-------- Given entries
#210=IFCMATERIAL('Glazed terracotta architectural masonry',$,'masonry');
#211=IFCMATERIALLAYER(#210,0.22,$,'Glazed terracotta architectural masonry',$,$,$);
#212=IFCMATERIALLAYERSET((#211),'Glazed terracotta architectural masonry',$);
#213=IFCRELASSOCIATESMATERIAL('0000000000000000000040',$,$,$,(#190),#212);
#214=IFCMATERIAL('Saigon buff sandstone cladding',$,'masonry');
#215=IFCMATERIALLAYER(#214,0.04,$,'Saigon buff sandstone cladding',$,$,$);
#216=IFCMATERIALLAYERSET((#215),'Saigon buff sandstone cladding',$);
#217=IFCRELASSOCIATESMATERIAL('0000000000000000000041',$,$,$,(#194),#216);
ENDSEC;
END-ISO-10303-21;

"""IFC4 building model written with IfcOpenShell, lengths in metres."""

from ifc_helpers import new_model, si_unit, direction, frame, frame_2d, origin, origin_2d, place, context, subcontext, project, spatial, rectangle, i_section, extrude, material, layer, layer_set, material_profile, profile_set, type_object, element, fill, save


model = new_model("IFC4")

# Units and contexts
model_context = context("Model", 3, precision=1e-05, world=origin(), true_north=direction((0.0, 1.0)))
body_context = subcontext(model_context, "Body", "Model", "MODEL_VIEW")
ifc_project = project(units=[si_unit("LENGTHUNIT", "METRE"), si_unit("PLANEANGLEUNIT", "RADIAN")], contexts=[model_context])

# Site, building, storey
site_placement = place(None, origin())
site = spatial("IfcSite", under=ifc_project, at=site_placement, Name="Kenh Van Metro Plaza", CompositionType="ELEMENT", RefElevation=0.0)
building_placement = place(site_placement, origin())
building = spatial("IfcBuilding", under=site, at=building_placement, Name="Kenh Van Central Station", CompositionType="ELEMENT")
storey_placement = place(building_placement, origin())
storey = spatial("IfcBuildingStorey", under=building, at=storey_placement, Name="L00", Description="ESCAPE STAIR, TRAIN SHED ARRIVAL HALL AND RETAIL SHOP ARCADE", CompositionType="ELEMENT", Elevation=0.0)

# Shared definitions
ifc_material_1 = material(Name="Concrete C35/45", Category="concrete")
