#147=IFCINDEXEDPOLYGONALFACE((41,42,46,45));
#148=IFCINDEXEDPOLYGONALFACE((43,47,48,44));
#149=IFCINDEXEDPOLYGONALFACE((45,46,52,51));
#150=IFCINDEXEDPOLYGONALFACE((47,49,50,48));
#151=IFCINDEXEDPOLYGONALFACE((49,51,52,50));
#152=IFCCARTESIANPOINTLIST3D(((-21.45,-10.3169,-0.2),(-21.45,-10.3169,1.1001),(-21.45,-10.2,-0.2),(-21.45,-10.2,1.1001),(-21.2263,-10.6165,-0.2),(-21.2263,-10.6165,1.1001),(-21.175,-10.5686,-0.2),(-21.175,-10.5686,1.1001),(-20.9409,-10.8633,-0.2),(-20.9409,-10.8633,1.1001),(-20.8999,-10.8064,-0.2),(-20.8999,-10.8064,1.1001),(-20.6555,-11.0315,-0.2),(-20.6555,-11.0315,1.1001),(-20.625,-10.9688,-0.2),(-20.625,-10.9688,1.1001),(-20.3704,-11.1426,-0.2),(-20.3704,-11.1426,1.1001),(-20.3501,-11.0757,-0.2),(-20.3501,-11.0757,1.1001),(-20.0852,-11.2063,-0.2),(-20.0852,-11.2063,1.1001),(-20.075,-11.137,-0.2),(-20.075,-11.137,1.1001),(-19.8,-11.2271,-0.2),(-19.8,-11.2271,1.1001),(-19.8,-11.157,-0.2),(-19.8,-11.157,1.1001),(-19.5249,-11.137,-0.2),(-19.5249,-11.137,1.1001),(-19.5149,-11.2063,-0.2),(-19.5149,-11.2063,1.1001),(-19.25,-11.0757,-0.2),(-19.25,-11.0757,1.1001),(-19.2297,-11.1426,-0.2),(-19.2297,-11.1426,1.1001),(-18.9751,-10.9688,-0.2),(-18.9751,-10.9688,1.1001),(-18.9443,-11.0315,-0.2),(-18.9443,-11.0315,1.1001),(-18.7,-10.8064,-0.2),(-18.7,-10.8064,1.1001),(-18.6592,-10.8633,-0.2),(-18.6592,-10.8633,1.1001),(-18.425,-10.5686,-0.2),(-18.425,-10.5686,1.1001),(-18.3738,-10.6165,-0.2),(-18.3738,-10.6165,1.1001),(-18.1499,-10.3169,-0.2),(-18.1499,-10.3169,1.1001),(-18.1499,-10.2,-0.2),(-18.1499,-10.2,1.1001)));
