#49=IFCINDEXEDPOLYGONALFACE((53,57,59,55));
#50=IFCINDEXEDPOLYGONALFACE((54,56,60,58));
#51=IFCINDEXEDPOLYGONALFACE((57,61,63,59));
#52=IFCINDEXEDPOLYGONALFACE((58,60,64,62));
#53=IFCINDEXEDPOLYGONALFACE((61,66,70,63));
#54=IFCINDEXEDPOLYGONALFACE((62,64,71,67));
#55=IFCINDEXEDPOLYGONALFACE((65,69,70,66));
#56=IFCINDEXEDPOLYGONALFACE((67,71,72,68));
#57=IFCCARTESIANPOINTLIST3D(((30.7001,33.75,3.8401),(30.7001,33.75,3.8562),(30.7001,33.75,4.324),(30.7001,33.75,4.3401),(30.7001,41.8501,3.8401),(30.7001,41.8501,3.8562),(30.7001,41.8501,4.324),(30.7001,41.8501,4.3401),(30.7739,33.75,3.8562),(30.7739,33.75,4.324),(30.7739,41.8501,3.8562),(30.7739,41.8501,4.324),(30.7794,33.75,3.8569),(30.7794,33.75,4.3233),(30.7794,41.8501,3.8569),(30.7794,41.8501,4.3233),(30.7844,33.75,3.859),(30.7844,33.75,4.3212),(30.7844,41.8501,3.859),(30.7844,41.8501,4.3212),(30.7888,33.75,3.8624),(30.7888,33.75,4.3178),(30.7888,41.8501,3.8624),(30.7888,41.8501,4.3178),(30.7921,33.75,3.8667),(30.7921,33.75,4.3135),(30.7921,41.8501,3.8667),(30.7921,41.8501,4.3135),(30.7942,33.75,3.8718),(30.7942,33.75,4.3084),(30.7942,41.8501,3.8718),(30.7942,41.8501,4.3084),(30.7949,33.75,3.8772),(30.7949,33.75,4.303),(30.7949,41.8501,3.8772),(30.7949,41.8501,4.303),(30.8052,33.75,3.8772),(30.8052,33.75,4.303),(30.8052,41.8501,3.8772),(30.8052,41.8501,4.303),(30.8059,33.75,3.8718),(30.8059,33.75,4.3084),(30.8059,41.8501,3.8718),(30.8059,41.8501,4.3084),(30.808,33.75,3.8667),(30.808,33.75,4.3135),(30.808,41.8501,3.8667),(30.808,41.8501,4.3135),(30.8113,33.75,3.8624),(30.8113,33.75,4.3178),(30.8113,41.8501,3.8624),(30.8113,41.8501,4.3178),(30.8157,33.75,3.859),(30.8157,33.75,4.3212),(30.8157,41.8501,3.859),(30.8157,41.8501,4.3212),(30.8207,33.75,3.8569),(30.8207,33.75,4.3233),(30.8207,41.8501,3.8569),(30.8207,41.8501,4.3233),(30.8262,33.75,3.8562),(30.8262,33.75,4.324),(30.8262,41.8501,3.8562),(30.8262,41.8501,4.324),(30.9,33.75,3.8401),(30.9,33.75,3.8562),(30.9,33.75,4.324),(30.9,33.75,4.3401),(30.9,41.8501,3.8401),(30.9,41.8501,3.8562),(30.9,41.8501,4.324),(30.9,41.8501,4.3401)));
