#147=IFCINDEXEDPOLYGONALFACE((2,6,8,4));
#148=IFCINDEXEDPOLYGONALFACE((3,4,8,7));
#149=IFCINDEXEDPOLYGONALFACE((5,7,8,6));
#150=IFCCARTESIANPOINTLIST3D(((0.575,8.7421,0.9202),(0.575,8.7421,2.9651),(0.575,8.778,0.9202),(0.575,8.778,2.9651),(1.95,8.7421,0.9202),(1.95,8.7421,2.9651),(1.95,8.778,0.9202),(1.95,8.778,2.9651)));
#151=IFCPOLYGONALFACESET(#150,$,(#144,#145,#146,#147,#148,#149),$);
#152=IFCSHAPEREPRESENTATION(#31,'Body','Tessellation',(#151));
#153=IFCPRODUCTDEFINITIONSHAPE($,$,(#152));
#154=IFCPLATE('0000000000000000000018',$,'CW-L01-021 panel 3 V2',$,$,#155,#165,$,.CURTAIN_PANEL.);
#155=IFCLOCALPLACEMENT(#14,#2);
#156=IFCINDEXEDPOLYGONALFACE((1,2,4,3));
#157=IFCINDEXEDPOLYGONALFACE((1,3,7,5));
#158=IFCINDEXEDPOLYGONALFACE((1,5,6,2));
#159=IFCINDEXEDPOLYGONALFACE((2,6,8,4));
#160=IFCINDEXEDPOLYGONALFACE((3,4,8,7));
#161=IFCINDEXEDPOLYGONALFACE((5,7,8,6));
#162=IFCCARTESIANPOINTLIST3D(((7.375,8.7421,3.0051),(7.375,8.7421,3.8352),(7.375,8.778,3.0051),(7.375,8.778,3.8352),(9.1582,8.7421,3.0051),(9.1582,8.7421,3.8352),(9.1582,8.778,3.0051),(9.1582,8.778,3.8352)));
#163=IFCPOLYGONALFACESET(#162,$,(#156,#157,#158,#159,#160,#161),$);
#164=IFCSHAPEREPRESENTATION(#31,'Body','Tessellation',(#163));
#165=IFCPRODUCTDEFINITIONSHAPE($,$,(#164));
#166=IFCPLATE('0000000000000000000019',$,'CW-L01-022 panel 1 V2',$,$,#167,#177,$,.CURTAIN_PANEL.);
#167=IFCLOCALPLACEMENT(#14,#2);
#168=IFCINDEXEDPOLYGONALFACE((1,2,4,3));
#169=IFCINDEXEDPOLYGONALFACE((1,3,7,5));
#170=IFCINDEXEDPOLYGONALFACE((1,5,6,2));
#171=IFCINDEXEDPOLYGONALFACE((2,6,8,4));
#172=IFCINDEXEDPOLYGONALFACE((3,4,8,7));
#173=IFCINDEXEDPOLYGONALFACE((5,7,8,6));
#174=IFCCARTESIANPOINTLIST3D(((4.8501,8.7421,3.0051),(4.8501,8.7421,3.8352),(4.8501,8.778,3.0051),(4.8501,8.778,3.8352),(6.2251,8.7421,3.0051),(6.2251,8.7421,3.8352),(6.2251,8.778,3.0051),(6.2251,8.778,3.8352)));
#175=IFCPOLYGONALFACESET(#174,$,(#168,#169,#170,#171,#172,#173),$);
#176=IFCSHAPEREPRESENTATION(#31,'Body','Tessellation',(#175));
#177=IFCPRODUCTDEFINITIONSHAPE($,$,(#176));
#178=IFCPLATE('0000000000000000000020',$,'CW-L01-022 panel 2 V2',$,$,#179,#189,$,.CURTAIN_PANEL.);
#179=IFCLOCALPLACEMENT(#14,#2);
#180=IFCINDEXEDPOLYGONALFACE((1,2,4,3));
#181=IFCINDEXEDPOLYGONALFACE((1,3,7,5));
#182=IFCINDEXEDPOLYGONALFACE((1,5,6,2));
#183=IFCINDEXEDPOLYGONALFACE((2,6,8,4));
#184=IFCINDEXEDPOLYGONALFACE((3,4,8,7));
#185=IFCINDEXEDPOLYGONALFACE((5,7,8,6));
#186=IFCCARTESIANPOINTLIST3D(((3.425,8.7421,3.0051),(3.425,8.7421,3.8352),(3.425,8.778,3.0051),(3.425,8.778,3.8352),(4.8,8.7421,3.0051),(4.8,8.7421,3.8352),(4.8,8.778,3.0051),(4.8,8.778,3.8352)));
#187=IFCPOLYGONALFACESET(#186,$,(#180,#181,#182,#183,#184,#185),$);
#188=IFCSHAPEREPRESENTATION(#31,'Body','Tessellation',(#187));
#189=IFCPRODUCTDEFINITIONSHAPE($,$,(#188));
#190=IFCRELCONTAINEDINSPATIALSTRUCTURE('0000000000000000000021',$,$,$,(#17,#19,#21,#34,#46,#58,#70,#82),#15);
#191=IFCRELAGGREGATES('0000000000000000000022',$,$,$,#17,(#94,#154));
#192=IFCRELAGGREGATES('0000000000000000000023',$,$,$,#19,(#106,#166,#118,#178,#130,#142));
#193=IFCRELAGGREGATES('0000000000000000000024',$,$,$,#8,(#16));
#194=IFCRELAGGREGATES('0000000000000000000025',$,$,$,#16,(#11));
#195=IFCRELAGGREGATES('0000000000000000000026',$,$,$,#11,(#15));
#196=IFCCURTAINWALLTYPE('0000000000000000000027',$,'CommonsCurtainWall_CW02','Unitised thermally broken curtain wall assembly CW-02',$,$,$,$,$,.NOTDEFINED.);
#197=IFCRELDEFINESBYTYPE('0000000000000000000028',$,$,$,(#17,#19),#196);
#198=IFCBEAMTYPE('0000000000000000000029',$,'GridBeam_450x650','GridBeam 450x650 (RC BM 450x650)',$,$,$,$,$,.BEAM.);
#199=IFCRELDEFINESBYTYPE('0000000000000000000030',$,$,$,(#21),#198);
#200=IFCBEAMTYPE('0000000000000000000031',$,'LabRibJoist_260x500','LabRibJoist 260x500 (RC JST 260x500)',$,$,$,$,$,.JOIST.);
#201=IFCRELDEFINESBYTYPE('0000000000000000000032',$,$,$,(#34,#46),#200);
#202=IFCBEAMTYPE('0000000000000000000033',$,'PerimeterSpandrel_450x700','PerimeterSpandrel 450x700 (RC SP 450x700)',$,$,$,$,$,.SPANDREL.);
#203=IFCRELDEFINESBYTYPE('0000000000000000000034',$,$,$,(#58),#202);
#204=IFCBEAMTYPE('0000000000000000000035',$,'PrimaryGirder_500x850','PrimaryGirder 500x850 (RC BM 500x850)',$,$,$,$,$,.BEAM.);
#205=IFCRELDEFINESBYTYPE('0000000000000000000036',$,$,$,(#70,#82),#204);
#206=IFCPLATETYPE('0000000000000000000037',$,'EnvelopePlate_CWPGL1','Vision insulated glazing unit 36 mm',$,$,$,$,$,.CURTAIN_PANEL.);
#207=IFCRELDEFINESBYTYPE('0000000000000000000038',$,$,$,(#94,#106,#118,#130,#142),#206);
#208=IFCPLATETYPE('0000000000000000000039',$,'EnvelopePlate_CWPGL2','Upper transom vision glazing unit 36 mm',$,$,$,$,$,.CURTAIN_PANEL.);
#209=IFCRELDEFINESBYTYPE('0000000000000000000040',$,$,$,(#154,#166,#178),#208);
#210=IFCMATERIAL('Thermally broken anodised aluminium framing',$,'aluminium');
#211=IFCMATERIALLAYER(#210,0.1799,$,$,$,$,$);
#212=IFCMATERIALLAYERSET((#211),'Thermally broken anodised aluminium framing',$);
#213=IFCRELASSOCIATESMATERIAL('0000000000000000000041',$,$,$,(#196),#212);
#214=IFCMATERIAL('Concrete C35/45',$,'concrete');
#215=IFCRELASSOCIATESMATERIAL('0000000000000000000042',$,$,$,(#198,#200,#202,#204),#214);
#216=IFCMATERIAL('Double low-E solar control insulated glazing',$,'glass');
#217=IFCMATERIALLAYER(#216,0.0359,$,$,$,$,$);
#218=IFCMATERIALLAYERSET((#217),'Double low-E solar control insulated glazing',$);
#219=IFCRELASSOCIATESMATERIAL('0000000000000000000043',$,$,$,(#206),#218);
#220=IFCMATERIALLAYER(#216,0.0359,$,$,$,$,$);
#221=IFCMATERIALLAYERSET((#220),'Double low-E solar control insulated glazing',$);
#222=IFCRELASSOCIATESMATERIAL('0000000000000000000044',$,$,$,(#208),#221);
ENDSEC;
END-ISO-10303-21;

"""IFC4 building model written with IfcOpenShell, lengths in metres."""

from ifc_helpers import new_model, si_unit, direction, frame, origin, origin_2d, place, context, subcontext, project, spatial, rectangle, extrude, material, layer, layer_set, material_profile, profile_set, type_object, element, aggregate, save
----------------
Assignment :: Please reproduce exactly the lines above, beginning with the first and ending with the line that contains "#214=IFCMATERIAL('Saigon buff sandstone", and include nothing outside that range.

Output for this exercise ::
#210=IFCMATERIAL('Glazed terracotta architectural masonry',$,'masonry');
#211=IFCMATERIALLAYER(#210,0.22,$,'Glazed terracotta architectural masonry',$,$,$);
#212=IFCMATERIALLAYERSET((#211),'Glazed terracotta architectural masonry',$);
#213=IFCRELASSOCIATESMATERIAL('0000000000000000000040',$,$,$,(#190),#212);
#214=IFCMATERIAL('Saigon buff sandstone cladding',$,'masonry');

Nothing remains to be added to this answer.